▸ **Task**
Starting with the first line and ending with the one that holds "#216=IFCMATERIAL('Steel ASTM A913", retype the entries exactly.

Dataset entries
= = =

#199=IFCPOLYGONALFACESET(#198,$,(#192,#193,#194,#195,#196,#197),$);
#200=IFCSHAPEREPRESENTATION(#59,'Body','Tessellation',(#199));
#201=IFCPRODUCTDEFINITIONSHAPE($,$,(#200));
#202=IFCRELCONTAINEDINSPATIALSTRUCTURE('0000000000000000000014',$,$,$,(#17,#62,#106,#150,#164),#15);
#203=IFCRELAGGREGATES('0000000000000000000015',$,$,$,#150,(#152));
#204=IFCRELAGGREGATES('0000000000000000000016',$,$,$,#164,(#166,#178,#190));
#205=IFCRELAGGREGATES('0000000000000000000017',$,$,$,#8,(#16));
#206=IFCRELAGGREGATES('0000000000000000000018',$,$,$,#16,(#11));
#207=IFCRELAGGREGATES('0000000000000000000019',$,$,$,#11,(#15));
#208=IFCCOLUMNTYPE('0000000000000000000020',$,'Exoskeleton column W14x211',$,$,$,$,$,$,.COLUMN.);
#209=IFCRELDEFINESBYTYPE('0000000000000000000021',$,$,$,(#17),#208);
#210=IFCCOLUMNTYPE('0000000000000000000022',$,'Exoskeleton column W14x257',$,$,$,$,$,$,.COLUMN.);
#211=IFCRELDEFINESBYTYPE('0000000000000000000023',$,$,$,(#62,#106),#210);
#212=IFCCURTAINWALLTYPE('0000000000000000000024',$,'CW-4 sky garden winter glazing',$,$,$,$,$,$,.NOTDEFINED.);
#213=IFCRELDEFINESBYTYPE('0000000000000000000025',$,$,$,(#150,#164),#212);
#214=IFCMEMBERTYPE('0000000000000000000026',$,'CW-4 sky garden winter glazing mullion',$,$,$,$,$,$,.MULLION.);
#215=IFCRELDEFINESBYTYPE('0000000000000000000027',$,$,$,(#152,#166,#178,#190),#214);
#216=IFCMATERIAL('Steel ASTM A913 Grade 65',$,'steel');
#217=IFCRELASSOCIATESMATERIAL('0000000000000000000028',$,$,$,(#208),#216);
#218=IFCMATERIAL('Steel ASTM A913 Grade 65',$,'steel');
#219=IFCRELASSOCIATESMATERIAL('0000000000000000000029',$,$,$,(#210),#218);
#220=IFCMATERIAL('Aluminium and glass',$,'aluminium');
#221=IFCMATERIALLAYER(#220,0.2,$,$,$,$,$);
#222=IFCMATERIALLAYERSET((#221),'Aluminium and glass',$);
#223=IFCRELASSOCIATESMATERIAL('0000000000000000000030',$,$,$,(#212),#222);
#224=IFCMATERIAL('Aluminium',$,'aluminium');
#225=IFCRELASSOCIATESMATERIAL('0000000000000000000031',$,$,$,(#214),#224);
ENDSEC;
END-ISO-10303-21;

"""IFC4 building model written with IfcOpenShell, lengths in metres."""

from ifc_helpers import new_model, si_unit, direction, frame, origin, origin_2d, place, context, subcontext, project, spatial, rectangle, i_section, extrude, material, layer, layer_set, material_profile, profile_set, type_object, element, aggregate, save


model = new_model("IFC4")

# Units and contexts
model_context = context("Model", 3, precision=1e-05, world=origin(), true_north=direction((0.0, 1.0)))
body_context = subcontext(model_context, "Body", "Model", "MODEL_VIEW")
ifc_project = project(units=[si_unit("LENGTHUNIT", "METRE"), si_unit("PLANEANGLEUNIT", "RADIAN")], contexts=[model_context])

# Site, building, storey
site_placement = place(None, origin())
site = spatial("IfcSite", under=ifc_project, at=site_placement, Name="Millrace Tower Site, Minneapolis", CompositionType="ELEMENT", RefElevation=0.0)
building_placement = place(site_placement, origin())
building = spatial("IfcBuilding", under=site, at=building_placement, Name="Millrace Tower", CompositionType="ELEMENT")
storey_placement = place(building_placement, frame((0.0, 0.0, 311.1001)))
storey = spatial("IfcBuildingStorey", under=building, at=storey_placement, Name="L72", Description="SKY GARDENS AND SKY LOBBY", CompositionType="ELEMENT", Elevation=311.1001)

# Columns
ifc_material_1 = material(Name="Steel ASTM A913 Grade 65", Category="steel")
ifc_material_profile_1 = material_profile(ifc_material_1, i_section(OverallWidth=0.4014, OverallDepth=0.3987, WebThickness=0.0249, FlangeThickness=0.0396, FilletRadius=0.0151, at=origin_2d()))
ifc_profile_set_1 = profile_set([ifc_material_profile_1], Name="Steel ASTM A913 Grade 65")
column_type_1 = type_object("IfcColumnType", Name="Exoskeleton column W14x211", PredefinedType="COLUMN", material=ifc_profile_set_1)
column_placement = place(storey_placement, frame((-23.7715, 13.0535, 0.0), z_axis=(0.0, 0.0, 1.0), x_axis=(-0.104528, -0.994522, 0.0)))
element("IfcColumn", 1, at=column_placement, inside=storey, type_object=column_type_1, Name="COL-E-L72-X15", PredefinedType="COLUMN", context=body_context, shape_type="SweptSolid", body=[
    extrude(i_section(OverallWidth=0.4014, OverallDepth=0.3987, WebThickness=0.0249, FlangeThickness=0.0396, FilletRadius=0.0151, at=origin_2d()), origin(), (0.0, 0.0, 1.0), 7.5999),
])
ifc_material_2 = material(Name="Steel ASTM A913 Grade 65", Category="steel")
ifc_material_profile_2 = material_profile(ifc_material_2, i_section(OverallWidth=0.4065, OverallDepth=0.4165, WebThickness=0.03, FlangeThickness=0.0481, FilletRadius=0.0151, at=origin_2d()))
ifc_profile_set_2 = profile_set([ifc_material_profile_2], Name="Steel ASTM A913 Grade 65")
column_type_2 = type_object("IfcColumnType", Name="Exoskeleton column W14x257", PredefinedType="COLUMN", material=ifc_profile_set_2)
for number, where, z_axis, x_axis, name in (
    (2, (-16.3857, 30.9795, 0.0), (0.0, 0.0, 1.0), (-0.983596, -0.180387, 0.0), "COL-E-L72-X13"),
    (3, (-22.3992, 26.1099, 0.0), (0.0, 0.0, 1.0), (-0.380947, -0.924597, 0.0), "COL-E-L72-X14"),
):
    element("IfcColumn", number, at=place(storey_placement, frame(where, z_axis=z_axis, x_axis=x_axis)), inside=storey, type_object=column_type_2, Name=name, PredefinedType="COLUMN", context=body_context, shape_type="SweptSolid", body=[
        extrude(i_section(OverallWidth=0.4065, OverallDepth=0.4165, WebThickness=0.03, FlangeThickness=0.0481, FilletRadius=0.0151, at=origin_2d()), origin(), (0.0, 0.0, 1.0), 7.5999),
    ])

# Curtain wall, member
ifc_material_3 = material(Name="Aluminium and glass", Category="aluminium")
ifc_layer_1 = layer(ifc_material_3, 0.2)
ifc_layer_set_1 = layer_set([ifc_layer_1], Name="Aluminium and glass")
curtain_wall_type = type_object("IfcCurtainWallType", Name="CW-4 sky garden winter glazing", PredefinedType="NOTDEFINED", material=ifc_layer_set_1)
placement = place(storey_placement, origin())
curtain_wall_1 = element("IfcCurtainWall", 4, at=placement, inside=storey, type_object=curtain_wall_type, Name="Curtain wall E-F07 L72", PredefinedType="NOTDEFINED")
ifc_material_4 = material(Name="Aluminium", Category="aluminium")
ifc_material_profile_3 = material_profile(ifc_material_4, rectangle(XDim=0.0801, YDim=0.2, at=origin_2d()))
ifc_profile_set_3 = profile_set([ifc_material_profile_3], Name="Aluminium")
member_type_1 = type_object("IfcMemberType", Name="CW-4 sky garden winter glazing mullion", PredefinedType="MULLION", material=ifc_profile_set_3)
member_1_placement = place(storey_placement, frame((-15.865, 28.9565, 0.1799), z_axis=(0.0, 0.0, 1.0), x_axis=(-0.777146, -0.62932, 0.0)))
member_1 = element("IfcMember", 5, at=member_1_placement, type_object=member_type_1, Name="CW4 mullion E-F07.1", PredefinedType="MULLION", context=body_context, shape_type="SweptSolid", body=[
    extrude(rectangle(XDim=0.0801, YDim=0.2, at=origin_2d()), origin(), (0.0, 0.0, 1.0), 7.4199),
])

= = =

▸ **Solution**
#199=IFCPOLYGONALFACESET(#198,$,(#192,#193,#194,#195,#196,#197),$);
#200=IFCSHAPEREPRESENTATION(#59,'Body','Tessellation',(#199));
#201=IFCPRODUCTDEFINITIONSHAPE($,$,(#200));
#202=IFCRELCONTAINEDINSPATIALSTRUCTURE('0000000000000000000014',$,$,$,(#17,#62,#106,#150,#164),#15);
#203=IFCRELAGGREGATES('0000000000000000000015',$,$,$,#150,(#152));
#204=IFCRELAGGREGATES('0000000000000000000016',$,$,$,#164,(#166,#178,#190));
#205=IFCRELAGGREGATES('0000000000000000000017',$,$,$,#8,(#16));
#206=IFCRELAGGREGATES('0000000000000000000018',$,$,$,#16,(#11));
#207=IFCRELAGGREGATES('0000000000000000000019',$,$,$,#11,(#15));
#208=IFCCOLUMNTYPE('0000000000000000000020',$,'Exoskeleton column W14x211',$,$,$,$,$,$,.COLUMN.);
#209=IFCRELDEFINESBYTYPE('0000000000000000000021',$,$,$,(#17),#208);
#210=IFCCOLUMNTYPE('0000000000000000000022',$,'Exoskeleton column W14x257',$,$,$,$,$,$,.COLUMN.);
#211=IFCRELDEFINESBYTYPE('0000000000000000000023',$,$,$,(#62,#106),#210);
#212=IFCCURTAINWALLTYPE('0000000000000000000024',$,'CW-4 sky garden winter glazing',$,$,$,$,$,$,.NOTDEFINED.);
#213=IFCRELDEFINESBYTYPE('0000000000000000000025',$,$,$,(#150,#164),#212);
#214=IFCMEMBERTYPE('0000000000000000000026',$,'CW-4 sky garden winter glazing mullion',$,$,$,$,$,$,.MULLION.);
#215=IFCRELDEFINESBYTYPE('0000000000000000000027',$,$,$,(#152,#166,#178,#190),#214);
#216=IFCMATERIAL('Steel ASTM A913 Grade 65',$,'steel');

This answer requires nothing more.